§ **Required action**
Show every line in the records below that contains the word "iron".

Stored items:
____________
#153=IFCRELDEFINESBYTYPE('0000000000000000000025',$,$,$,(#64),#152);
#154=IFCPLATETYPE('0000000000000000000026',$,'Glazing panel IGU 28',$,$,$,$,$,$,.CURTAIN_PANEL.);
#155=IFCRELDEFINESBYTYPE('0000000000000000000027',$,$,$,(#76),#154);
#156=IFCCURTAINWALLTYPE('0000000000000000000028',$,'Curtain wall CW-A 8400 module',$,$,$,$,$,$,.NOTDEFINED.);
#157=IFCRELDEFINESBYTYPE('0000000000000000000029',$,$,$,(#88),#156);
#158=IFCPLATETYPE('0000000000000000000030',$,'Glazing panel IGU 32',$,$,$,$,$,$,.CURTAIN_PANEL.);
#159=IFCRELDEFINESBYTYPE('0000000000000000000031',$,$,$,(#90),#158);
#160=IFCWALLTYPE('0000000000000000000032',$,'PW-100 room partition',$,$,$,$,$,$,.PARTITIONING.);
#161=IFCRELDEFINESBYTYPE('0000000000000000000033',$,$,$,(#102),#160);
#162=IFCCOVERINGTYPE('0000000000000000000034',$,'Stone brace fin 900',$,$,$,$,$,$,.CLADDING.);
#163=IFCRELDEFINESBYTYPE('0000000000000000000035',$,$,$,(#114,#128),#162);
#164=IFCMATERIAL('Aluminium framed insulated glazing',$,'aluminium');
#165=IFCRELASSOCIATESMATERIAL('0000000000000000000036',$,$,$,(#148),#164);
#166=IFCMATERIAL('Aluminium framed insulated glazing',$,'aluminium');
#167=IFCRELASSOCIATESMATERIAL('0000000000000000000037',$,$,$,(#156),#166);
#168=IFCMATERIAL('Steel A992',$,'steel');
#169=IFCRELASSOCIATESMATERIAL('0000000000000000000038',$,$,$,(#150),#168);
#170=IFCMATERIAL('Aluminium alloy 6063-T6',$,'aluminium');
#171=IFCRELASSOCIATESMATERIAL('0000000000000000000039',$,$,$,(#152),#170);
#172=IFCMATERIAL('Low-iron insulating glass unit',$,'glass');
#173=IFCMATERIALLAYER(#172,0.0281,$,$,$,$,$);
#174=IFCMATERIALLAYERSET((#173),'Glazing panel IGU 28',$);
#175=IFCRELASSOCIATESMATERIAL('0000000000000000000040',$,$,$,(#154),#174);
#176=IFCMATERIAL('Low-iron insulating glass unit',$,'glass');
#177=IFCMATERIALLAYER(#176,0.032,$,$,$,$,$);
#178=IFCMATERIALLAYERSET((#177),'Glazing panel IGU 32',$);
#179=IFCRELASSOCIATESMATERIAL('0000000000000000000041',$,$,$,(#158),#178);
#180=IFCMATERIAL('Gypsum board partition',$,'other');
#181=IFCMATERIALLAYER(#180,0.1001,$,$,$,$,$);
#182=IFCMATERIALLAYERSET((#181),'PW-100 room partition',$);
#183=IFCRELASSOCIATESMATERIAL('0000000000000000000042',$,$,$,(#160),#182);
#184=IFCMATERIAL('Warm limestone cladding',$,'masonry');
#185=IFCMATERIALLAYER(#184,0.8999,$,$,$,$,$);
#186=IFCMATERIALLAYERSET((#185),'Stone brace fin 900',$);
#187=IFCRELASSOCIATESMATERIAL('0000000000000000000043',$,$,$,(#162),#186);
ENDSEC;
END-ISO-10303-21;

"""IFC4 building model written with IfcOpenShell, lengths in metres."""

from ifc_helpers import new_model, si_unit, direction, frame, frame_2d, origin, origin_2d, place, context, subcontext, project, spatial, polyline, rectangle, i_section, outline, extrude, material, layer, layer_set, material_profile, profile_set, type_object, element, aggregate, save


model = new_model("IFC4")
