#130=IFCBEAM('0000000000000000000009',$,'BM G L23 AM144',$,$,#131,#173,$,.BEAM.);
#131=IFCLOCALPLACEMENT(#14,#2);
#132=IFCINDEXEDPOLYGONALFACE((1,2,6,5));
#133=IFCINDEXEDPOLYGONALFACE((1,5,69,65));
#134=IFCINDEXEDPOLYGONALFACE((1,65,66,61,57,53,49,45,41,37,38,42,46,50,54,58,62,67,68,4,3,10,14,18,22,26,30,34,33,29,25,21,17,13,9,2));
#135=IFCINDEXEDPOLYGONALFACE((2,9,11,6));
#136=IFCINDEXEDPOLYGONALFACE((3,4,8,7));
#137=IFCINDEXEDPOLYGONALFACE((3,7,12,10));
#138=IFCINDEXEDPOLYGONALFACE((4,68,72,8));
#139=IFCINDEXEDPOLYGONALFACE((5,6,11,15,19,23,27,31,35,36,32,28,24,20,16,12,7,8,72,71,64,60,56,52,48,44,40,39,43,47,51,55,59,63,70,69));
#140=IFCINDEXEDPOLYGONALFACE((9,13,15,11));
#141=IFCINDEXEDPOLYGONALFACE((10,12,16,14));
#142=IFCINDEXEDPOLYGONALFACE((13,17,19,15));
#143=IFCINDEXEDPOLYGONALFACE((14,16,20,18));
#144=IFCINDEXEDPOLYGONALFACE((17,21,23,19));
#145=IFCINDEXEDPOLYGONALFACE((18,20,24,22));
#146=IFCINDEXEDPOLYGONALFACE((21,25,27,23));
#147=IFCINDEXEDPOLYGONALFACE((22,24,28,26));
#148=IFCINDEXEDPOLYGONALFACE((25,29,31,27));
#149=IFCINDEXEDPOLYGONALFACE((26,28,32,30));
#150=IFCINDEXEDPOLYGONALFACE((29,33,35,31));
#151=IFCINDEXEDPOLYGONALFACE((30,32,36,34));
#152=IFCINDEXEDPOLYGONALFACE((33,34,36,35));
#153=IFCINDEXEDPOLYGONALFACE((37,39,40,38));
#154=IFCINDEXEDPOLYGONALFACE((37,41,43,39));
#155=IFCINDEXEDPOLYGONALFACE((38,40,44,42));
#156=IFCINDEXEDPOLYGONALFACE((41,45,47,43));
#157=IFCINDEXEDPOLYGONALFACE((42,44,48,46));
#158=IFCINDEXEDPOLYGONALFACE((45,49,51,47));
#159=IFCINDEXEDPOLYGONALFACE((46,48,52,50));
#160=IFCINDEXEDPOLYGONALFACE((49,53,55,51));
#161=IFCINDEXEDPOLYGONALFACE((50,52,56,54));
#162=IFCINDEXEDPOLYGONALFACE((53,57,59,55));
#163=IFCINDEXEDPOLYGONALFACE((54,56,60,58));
____________
§ **Response area**
#172=IFCMATERIAL('Low-iron insulating glass unit',$,'glass');
#176=IFCMATERIAL('Low-iron insulating glass unit',$,'glass');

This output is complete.